## Saved entries

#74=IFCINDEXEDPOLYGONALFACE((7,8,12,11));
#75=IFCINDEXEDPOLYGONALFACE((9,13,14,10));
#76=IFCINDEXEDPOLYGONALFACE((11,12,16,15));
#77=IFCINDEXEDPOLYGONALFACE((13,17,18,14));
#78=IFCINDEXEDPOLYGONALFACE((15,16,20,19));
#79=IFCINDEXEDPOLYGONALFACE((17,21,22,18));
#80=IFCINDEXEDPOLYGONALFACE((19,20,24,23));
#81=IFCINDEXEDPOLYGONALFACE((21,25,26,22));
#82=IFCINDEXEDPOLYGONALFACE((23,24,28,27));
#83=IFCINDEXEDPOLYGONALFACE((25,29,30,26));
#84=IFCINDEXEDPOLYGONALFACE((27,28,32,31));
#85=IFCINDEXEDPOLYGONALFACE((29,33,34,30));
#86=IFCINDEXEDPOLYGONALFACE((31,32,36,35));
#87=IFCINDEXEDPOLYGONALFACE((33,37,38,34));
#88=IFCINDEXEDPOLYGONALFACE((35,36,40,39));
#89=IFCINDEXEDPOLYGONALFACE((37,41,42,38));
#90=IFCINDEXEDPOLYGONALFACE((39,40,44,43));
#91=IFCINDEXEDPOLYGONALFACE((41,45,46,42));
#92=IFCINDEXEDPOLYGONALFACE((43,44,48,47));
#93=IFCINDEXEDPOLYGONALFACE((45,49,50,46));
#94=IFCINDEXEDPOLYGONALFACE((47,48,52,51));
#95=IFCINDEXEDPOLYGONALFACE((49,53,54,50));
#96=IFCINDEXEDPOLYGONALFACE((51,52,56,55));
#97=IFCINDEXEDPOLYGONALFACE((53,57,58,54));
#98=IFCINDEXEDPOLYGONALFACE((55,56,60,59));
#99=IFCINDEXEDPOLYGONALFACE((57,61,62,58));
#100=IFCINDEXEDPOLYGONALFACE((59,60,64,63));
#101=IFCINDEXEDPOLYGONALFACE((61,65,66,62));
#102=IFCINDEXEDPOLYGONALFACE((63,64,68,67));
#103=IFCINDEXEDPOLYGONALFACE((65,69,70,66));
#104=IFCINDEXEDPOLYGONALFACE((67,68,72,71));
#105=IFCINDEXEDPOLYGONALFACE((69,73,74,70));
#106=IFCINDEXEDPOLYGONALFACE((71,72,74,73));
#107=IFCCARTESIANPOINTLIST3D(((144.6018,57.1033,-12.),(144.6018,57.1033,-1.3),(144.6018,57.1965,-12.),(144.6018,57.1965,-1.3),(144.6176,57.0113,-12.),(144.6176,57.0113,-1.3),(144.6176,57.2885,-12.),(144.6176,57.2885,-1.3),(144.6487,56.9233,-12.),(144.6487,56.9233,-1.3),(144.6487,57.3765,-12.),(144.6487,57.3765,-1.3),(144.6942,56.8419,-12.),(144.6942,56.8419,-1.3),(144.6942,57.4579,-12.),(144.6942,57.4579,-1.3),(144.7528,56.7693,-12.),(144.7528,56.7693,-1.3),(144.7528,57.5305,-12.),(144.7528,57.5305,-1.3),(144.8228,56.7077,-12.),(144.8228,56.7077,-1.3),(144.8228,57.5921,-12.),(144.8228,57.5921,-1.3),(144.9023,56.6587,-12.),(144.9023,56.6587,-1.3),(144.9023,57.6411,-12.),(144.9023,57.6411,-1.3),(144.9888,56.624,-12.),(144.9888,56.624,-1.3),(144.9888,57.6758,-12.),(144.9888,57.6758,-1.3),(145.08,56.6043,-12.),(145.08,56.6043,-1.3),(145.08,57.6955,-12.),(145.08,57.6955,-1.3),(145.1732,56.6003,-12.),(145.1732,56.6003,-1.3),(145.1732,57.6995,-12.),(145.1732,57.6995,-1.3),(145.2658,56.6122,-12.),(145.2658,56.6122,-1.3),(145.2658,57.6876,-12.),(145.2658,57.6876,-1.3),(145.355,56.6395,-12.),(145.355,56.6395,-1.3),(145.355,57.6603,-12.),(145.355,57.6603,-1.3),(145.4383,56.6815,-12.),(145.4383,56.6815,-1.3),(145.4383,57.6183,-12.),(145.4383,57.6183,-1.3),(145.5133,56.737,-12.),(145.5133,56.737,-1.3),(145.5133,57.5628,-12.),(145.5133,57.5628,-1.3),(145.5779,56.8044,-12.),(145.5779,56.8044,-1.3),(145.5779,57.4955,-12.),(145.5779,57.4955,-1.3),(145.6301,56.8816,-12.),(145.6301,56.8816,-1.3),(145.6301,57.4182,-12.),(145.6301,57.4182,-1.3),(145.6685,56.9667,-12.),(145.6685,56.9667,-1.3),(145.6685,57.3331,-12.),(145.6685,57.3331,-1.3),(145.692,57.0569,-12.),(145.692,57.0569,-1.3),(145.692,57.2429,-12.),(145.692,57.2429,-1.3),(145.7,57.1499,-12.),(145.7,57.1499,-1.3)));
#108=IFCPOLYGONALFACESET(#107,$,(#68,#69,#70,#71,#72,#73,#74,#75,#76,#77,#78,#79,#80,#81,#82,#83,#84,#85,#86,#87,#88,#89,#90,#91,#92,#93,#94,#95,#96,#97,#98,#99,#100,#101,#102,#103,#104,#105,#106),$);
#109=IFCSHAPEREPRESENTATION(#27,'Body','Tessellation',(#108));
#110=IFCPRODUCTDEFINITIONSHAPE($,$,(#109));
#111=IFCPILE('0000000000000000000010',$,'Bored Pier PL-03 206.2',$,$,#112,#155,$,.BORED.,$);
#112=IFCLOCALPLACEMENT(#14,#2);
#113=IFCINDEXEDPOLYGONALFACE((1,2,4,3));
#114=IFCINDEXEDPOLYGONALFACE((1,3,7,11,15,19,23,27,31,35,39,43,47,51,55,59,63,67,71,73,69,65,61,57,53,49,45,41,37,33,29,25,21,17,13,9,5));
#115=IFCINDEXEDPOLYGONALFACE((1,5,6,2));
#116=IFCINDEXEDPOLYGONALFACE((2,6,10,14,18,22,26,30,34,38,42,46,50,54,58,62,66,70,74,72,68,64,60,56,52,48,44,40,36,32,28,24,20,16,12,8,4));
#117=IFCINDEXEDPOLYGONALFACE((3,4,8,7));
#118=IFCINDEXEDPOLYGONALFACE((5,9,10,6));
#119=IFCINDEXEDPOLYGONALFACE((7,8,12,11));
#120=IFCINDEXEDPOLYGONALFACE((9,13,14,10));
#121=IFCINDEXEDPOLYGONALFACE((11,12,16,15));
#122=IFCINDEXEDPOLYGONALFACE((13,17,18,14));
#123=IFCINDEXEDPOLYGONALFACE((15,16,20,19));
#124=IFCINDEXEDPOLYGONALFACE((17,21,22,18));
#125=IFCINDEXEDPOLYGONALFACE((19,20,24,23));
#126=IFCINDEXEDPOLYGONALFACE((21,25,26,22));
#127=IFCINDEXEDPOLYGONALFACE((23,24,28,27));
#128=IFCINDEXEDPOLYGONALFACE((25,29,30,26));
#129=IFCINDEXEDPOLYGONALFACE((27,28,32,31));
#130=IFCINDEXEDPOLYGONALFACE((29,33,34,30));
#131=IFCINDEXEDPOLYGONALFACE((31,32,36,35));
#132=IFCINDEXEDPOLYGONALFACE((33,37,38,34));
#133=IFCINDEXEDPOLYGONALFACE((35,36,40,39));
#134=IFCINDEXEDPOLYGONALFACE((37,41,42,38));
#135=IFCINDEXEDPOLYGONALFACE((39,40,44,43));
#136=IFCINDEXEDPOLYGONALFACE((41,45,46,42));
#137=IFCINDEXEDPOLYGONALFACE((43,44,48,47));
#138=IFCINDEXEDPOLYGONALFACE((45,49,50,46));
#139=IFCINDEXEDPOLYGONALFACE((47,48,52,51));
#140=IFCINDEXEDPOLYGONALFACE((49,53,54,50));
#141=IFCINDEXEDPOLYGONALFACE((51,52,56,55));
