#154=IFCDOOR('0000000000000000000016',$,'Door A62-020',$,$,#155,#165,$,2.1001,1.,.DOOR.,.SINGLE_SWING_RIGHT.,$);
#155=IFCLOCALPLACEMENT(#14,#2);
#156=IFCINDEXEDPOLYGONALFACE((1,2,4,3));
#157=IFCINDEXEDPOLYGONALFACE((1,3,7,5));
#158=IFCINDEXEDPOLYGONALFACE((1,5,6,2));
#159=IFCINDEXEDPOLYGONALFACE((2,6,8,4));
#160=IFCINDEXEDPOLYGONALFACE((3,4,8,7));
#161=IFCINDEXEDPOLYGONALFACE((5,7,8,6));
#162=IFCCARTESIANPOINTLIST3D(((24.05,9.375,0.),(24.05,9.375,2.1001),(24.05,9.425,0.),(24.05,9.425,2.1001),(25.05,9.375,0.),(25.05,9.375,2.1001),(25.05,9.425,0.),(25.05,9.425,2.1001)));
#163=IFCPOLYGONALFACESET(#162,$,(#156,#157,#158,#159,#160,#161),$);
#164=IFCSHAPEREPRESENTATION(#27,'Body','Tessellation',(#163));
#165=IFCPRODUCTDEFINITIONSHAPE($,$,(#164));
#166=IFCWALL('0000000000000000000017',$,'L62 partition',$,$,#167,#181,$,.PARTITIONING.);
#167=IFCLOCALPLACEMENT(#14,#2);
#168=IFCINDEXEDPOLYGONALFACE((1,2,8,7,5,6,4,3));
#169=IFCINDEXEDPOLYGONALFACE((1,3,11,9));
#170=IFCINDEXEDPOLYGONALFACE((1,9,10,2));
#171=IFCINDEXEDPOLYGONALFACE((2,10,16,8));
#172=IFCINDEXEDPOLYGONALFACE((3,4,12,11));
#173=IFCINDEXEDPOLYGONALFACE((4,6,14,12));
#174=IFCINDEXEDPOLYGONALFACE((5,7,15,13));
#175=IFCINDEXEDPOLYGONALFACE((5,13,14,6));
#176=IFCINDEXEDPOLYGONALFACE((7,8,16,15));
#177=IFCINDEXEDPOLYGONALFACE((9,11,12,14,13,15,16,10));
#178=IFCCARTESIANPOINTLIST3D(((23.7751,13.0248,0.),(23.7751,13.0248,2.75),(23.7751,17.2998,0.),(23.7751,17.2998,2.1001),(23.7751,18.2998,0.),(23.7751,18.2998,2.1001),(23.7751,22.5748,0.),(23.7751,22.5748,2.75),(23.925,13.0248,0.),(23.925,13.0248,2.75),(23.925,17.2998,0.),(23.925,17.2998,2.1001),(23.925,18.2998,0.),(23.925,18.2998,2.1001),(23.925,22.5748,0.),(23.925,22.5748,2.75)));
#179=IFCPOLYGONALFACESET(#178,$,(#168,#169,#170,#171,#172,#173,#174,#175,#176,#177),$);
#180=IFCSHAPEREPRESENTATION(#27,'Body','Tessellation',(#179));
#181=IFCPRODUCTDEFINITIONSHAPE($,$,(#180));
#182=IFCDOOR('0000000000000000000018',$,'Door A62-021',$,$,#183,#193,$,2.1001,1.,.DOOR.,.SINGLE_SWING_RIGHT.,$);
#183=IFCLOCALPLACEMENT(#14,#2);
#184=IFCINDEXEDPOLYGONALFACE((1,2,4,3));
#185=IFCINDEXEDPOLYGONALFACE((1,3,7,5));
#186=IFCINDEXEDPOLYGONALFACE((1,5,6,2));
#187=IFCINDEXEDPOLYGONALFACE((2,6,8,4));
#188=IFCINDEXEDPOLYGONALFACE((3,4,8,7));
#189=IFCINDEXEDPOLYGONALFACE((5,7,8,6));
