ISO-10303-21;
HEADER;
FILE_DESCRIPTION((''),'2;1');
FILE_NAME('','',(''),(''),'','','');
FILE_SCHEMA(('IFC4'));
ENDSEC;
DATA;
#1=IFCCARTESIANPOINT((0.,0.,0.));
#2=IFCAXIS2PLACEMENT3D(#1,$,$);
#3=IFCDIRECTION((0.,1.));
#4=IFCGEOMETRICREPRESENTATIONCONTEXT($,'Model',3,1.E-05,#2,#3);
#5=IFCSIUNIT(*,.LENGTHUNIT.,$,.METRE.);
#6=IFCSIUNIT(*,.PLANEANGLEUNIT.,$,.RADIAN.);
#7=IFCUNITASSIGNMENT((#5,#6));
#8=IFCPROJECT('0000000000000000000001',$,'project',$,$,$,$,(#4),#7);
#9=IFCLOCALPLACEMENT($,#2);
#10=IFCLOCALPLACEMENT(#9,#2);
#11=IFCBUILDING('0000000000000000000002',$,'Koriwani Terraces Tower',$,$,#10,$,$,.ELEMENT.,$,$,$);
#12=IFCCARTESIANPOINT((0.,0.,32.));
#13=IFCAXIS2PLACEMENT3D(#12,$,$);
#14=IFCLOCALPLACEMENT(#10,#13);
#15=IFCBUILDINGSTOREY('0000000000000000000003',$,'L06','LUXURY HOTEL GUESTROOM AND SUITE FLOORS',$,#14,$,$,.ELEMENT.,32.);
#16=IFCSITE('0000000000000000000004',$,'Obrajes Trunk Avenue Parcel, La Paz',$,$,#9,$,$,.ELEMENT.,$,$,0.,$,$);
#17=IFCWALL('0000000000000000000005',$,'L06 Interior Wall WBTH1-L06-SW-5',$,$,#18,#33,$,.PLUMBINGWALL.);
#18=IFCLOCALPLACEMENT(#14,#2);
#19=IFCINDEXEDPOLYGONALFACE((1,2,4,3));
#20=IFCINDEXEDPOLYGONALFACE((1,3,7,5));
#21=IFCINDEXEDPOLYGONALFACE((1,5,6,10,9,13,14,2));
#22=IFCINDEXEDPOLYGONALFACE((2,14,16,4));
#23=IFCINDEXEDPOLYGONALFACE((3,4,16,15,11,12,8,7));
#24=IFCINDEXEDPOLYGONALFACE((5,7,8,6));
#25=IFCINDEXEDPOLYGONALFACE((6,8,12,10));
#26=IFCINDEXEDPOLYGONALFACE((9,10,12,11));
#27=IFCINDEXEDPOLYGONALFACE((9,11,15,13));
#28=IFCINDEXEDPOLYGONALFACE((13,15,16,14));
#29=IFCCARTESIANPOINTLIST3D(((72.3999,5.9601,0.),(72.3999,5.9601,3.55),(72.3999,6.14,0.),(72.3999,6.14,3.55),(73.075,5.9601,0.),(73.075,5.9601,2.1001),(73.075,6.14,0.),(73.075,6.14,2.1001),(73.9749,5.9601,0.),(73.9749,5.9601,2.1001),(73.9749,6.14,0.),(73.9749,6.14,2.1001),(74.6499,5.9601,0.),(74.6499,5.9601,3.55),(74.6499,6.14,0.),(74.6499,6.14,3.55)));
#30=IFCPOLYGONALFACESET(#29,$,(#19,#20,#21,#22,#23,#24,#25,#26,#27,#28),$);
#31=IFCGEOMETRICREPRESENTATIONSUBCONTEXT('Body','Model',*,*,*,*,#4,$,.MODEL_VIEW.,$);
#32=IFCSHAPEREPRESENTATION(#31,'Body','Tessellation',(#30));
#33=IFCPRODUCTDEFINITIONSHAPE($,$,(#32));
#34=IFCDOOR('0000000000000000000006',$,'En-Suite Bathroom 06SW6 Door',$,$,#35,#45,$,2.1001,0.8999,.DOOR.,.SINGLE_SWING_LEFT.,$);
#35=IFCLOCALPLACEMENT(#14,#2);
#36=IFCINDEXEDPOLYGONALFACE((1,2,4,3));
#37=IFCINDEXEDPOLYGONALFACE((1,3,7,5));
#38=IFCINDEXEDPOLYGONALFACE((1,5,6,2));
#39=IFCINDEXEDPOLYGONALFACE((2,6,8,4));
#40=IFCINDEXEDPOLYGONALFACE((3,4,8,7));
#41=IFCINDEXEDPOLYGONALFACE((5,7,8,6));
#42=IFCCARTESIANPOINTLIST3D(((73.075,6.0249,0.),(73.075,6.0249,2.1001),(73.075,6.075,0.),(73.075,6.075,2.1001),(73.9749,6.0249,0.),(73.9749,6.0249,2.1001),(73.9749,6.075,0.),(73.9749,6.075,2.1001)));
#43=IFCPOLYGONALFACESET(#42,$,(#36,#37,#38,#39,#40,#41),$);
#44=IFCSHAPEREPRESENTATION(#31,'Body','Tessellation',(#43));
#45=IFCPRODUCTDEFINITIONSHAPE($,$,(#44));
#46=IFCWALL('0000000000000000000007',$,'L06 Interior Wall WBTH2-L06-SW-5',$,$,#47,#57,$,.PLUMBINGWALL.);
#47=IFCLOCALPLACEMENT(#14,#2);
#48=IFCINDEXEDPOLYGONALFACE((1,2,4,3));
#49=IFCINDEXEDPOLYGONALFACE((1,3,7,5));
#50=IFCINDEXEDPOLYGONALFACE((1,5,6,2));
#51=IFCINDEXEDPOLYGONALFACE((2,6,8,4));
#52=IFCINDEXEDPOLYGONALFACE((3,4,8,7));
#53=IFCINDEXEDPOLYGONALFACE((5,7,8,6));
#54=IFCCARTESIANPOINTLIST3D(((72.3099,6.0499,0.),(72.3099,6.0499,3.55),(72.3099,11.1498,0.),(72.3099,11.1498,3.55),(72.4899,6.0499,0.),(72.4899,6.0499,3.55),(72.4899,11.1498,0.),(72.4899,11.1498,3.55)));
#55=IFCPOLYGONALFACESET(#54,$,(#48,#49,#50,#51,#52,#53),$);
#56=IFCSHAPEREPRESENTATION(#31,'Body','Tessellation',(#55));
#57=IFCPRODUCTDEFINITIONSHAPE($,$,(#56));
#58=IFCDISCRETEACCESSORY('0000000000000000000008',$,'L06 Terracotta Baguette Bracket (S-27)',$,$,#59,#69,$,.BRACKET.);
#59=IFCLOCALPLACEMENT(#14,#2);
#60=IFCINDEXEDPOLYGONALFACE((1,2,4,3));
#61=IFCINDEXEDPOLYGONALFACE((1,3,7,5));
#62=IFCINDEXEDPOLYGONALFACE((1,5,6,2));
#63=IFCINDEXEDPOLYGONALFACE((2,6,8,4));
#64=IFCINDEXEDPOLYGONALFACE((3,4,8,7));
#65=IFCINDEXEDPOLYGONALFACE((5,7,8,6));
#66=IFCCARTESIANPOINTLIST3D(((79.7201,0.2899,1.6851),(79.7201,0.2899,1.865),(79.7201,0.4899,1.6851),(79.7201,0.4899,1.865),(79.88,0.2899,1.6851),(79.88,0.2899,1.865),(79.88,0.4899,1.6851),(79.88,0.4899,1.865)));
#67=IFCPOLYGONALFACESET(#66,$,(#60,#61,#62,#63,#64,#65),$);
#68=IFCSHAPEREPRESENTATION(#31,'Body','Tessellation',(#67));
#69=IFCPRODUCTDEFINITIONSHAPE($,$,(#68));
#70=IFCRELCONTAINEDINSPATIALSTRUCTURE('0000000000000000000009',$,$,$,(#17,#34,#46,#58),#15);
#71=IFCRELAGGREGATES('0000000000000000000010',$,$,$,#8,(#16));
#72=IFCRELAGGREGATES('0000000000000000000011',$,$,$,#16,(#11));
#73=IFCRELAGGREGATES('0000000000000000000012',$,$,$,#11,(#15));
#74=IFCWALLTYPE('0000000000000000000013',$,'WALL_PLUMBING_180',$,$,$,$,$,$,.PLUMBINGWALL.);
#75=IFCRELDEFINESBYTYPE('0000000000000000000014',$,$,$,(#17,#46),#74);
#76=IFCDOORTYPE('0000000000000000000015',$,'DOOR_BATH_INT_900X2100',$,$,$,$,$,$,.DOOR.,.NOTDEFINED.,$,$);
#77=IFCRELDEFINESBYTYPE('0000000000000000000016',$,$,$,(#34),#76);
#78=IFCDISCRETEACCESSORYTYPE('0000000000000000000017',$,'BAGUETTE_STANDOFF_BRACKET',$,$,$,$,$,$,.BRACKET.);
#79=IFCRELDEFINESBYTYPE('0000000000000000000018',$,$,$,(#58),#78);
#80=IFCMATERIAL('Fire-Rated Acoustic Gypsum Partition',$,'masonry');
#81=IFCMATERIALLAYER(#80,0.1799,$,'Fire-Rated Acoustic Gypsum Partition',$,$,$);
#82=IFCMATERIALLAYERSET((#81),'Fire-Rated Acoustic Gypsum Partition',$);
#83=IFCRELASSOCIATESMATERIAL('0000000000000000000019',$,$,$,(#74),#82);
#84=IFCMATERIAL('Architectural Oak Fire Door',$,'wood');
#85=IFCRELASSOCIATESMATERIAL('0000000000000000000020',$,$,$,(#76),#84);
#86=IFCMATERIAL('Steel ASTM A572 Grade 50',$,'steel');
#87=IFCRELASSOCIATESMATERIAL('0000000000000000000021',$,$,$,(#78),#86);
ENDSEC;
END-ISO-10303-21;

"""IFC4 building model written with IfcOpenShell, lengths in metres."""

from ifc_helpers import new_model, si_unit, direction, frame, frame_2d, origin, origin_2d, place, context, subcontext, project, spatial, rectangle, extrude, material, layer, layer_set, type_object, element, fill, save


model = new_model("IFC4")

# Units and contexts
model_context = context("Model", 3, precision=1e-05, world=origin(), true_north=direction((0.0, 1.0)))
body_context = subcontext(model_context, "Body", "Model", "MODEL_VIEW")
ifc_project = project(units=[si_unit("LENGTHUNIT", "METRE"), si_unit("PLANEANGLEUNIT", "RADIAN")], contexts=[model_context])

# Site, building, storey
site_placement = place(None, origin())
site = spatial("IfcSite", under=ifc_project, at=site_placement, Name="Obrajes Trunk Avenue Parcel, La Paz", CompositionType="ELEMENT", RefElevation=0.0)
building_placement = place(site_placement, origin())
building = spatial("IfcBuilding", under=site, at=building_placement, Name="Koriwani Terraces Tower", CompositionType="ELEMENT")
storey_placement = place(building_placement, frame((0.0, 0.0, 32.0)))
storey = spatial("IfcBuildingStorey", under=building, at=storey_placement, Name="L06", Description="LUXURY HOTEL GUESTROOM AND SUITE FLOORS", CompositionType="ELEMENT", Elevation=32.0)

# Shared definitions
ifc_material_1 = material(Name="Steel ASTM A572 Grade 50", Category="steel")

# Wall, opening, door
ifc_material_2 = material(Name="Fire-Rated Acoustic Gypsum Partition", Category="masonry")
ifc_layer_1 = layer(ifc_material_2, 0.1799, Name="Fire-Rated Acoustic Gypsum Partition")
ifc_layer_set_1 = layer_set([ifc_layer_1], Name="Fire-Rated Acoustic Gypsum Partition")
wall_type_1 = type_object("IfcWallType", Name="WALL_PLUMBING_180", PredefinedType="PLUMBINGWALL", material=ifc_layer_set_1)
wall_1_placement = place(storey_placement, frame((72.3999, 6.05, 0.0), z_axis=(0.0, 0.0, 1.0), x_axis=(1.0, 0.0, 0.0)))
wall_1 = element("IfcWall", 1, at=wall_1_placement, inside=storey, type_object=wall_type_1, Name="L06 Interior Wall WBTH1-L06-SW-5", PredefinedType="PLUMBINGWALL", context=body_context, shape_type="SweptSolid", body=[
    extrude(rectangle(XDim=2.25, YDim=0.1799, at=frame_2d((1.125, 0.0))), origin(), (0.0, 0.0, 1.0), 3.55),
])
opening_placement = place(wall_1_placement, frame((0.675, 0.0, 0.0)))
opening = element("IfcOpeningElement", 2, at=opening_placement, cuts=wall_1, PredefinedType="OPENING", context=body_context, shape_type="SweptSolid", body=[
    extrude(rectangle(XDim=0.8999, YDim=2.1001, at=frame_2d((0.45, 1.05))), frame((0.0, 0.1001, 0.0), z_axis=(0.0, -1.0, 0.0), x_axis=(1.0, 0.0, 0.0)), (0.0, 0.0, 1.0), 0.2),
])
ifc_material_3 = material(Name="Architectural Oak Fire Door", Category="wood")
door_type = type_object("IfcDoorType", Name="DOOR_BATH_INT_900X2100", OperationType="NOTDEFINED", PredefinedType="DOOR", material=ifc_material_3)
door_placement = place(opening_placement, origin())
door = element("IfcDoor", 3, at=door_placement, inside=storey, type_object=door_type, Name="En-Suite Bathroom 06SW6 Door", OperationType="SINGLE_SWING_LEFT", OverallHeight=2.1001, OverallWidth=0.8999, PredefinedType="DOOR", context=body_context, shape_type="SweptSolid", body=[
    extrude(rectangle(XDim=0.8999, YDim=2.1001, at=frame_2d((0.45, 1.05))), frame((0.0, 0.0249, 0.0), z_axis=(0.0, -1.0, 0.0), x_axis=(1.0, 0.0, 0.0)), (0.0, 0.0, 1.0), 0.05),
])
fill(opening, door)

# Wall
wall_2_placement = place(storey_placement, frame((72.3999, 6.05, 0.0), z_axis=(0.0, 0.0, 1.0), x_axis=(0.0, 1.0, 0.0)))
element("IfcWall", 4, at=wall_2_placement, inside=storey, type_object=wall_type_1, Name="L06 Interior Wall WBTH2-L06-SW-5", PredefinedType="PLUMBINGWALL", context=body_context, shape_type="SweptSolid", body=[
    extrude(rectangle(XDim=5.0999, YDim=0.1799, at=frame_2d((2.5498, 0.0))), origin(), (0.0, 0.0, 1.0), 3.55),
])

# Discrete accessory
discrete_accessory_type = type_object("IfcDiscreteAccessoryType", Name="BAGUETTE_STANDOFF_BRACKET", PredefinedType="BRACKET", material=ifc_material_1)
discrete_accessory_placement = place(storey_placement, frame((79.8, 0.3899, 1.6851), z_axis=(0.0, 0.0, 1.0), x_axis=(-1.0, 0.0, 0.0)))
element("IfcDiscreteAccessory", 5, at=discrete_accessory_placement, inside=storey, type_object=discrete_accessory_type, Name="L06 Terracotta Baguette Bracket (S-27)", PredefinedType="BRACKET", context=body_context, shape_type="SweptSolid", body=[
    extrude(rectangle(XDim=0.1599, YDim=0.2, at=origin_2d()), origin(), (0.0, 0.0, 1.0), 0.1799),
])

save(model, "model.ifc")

## Aim of the exercise
Wherever "IFCPOLYGONALFACESET" appears in a line of the entries, copy that line.

## Exercise response
#108=IFCPOLYGONALFACESET(#107,$,(#68,#69,#70,#71,#72,#73,#74,#75,#76,#77,#78,#79,#80,#81,#82,#83,#84,#85,#86,#87,#88,#89,#90,#91,#92,#93,#94,#95,#96,#97,#98,#99,#100,#101,#102,#103,#104,#105,#106),$);
#163=IFCPOLYGONALFACESET(#162,$,(#156,#157,#158,#159,#160,#161),$);
#179=IFCPOLYGONALFACESET(#178,$,(#168,#169,#170,#171,#172,#173,#174,#175,#176,#177),$);
#30=IFCPOLYGONALFACESET(#29,$,(#19,#20,#21,#22,#23,#24,#25,#26,#27,#28),$);
#43=IFCPOLYGONALFACESET(#42,$,(#36,#37,#38,#39,#40,#41),$);
#55=IFCPOLYGONALFACESET(#54,$,(#48,#49,#50,#51,#52,#53),$);
#67=IFCPOLYGONALFACESET(#66,$,(#60,#61,#62,#63,#64,#65),$);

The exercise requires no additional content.